## TASK PROMPT
Filter this data down to the lines that hold "Aluminium", and copy them.

Collected data
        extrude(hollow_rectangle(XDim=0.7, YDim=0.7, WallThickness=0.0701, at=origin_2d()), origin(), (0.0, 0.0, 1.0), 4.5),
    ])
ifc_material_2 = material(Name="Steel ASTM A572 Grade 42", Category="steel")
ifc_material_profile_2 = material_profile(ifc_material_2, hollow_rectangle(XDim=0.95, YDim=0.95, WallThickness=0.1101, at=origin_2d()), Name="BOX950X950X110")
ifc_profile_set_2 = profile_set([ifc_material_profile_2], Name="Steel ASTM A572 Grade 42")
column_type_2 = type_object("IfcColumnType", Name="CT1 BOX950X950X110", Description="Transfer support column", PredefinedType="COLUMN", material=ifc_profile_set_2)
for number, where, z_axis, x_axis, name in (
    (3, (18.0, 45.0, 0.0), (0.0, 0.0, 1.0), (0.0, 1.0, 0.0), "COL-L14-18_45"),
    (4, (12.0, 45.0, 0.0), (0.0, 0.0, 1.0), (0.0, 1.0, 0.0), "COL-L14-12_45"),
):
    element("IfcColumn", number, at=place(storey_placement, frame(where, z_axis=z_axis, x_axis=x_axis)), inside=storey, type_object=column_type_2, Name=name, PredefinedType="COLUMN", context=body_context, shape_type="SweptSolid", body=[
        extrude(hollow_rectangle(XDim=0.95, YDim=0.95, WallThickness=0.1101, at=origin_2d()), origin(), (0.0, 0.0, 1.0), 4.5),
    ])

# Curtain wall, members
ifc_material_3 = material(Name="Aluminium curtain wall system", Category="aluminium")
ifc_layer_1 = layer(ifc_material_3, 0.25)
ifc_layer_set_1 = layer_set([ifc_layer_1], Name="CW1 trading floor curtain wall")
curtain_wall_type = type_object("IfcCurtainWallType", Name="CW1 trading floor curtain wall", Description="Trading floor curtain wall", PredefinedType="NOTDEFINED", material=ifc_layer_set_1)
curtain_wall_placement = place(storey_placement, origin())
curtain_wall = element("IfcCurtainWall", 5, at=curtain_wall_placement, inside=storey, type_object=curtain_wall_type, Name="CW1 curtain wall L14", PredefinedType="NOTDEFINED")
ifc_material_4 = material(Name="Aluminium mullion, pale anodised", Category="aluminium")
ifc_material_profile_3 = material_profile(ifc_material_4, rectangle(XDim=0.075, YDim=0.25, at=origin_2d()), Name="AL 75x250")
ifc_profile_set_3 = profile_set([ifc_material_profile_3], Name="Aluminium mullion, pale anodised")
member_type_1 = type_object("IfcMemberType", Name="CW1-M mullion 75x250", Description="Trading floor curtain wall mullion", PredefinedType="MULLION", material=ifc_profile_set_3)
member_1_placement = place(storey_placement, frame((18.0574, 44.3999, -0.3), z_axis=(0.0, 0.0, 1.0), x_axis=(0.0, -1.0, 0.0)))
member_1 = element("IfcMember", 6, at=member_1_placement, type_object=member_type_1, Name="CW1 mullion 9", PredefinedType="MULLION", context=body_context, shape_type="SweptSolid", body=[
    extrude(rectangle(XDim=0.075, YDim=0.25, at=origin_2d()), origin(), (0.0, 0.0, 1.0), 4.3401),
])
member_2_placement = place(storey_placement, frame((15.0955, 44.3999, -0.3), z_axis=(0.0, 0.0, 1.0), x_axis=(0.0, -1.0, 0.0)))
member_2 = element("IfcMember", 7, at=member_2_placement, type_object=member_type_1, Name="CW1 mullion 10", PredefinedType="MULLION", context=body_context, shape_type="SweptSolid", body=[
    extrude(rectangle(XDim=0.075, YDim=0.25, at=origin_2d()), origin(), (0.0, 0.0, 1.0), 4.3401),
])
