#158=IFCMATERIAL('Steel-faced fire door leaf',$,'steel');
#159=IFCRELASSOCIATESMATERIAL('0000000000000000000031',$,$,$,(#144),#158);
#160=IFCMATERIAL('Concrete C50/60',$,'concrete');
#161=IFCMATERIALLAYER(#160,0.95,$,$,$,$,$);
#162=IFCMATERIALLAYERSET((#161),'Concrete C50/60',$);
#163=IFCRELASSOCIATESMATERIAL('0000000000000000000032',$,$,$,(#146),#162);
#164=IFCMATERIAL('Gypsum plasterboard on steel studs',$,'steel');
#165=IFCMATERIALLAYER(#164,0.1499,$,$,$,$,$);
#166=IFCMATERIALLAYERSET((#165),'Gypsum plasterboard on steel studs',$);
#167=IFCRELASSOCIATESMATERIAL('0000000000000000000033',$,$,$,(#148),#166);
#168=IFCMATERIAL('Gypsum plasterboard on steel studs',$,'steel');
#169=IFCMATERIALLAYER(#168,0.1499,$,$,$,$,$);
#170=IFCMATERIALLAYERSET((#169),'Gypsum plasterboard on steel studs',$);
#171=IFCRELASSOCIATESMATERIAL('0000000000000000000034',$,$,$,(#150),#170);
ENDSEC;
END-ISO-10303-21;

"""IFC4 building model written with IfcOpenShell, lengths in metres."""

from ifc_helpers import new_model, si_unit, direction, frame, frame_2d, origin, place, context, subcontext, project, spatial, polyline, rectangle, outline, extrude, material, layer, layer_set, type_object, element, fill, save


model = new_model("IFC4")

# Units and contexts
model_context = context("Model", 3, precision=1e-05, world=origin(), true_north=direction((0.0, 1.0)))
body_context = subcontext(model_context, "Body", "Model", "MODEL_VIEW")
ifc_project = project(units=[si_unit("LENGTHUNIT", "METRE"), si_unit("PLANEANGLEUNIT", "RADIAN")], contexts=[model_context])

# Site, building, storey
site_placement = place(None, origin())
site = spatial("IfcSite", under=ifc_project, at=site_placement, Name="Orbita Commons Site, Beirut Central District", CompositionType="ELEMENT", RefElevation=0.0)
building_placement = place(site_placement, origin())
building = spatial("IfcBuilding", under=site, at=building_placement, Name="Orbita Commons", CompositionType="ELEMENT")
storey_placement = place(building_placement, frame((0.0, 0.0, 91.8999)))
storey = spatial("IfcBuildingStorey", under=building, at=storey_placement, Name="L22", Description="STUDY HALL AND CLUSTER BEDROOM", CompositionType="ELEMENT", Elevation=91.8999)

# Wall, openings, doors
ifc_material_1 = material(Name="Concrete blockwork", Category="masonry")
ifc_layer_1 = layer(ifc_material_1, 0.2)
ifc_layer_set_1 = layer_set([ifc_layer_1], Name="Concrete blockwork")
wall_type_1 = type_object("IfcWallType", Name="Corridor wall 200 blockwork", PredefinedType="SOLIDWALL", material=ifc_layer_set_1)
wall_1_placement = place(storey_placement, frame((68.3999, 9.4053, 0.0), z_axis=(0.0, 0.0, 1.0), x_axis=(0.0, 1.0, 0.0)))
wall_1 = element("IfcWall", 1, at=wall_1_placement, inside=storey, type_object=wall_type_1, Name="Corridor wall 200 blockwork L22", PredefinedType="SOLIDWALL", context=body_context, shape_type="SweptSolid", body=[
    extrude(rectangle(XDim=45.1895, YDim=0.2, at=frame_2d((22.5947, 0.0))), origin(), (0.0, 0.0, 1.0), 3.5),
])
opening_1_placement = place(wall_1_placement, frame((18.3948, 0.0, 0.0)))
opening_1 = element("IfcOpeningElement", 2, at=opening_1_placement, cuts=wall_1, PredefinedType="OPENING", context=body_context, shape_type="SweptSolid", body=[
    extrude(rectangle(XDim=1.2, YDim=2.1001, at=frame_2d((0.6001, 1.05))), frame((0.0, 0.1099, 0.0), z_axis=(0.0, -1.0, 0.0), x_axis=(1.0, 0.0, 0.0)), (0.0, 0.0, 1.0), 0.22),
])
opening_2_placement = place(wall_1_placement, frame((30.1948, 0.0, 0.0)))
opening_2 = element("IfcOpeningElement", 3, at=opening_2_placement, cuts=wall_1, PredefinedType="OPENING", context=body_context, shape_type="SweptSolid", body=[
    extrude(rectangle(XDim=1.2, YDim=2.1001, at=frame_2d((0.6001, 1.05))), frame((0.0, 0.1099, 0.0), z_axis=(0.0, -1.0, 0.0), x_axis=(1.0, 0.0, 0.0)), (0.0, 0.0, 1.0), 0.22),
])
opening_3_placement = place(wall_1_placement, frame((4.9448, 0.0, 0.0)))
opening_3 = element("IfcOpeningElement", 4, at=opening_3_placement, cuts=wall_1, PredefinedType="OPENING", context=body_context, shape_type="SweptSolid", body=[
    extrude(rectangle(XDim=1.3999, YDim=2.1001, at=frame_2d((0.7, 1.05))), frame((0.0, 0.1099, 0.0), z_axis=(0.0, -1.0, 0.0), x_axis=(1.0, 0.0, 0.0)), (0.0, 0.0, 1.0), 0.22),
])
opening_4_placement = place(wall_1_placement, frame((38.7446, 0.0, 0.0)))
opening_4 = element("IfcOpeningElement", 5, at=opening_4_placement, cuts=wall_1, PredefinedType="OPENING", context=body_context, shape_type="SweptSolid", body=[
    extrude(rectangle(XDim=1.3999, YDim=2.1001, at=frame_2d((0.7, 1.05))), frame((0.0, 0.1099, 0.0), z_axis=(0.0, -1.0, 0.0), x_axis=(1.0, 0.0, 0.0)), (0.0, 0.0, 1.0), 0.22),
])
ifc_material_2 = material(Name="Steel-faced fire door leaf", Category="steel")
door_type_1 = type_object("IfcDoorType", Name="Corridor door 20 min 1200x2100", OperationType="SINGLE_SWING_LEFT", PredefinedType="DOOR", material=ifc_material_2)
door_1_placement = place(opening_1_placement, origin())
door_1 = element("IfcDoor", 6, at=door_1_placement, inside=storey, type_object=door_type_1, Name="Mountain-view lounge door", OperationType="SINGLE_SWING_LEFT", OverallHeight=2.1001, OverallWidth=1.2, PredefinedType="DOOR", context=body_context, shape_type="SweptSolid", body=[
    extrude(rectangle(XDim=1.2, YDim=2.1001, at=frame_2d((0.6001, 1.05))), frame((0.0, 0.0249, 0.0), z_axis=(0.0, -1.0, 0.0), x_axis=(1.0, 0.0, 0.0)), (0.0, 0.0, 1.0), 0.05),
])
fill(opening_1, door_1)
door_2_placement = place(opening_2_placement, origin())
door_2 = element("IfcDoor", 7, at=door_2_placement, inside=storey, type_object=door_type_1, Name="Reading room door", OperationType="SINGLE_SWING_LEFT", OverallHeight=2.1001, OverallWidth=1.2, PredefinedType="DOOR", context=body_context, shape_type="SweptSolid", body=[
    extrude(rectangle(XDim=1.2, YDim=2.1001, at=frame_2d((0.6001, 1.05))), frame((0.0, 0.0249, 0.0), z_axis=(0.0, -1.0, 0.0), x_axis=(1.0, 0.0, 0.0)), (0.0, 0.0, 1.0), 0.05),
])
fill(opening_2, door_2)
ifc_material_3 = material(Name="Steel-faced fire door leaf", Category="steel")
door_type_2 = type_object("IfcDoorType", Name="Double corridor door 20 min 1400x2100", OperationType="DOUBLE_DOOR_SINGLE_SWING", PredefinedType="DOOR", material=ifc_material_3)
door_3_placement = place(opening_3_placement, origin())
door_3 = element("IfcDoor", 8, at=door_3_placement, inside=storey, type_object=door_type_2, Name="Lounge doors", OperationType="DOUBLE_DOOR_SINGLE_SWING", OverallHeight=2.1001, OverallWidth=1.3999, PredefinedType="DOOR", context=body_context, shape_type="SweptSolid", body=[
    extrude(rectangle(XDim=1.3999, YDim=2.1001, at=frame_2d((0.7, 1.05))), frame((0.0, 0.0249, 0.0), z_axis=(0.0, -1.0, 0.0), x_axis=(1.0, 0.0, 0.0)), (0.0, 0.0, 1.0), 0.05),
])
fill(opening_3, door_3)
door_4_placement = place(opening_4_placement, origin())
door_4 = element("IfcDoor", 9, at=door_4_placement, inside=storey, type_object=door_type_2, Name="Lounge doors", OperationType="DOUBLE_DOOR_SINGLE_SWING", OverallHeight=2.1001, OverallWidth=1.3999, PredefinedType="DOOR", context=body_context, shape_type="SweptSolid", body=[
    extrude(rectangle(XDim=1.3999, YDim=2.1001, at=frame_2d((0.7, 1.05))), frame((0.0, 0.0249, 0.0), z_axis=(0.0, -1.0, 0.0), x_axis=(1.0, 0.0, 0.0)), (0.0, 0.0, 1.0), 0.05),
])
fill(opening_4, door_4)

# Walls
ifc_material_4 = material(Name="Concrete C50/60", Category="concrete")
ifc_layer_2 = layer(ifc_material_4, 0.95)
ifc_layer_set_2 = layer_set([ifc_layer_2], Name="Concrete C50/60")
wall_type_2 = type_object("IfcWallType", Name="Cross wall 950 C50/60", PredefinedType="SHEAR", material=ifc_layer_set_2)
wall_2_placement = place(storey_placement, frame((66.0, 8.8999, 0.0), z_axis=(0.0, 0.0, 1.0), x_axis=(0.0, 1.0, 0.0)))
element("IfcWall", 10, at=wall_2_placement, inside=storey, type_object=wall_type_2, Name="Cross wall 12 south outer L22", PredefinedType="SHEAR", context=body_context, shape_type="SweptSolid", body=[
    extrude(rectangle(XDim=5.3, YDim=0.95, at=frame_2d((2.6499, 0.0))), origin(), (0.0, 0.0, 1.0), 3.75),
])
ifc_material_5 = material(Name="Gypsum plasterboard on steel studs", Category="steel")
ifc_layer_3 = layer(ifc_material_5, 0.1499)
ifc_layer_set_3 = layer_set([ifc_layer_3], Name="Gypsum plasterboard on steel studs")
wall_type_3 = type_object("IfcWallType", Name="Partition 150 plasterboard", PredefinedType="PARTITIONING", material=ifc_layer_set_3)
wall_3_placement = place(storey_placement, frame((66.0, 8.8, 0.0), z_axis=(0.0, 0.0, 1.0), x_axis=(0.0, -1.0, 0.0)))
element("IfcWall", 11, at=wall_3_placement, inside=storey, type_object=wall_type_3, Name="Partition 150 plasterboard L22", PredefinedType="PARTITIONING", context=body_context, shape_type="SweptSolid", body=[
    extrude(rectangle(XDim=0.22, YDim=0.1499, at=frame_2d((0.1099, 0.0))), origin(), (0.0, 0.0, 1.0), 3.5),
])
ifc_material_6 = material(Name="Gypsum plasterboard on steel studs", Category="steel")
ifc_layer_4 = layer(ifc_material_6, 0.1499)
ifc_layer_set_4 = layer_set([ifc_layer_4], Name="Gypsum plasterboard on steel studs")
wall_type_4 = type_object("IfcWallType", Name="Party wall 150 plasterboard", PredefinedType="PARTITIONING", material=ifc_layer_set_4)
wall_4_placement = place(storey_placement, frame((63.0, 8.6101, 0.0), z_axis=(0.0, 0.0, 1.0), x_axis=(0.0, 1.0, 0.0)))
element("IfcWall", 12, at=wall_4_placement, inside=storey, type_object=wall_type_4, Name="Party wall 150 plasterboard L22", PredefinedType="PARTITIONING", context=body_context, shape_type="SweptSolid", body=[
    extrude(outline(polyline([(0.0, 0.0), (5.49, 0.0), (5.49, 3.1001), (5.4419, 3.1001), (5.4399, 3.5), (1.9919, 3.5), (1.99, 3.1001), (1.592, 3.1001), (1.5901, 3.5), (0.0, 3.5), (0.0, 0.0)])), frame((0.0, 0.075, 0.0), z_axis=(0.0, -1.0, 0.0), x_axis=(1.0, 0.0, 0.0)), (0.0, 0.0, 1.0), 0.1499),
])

## SOLUTION TO THIS TASK
ifc_material_3 = material(Name="Aluminium curtain wall system", Category="aluminium")
ifc_material_4 = material(Name="Aluminium mullion, pale anodised", Category="aluminium")
ifc_profile_set_3 = profile_set([ifc_material_profile_3], Name="Aluminium mullion, pale anodised")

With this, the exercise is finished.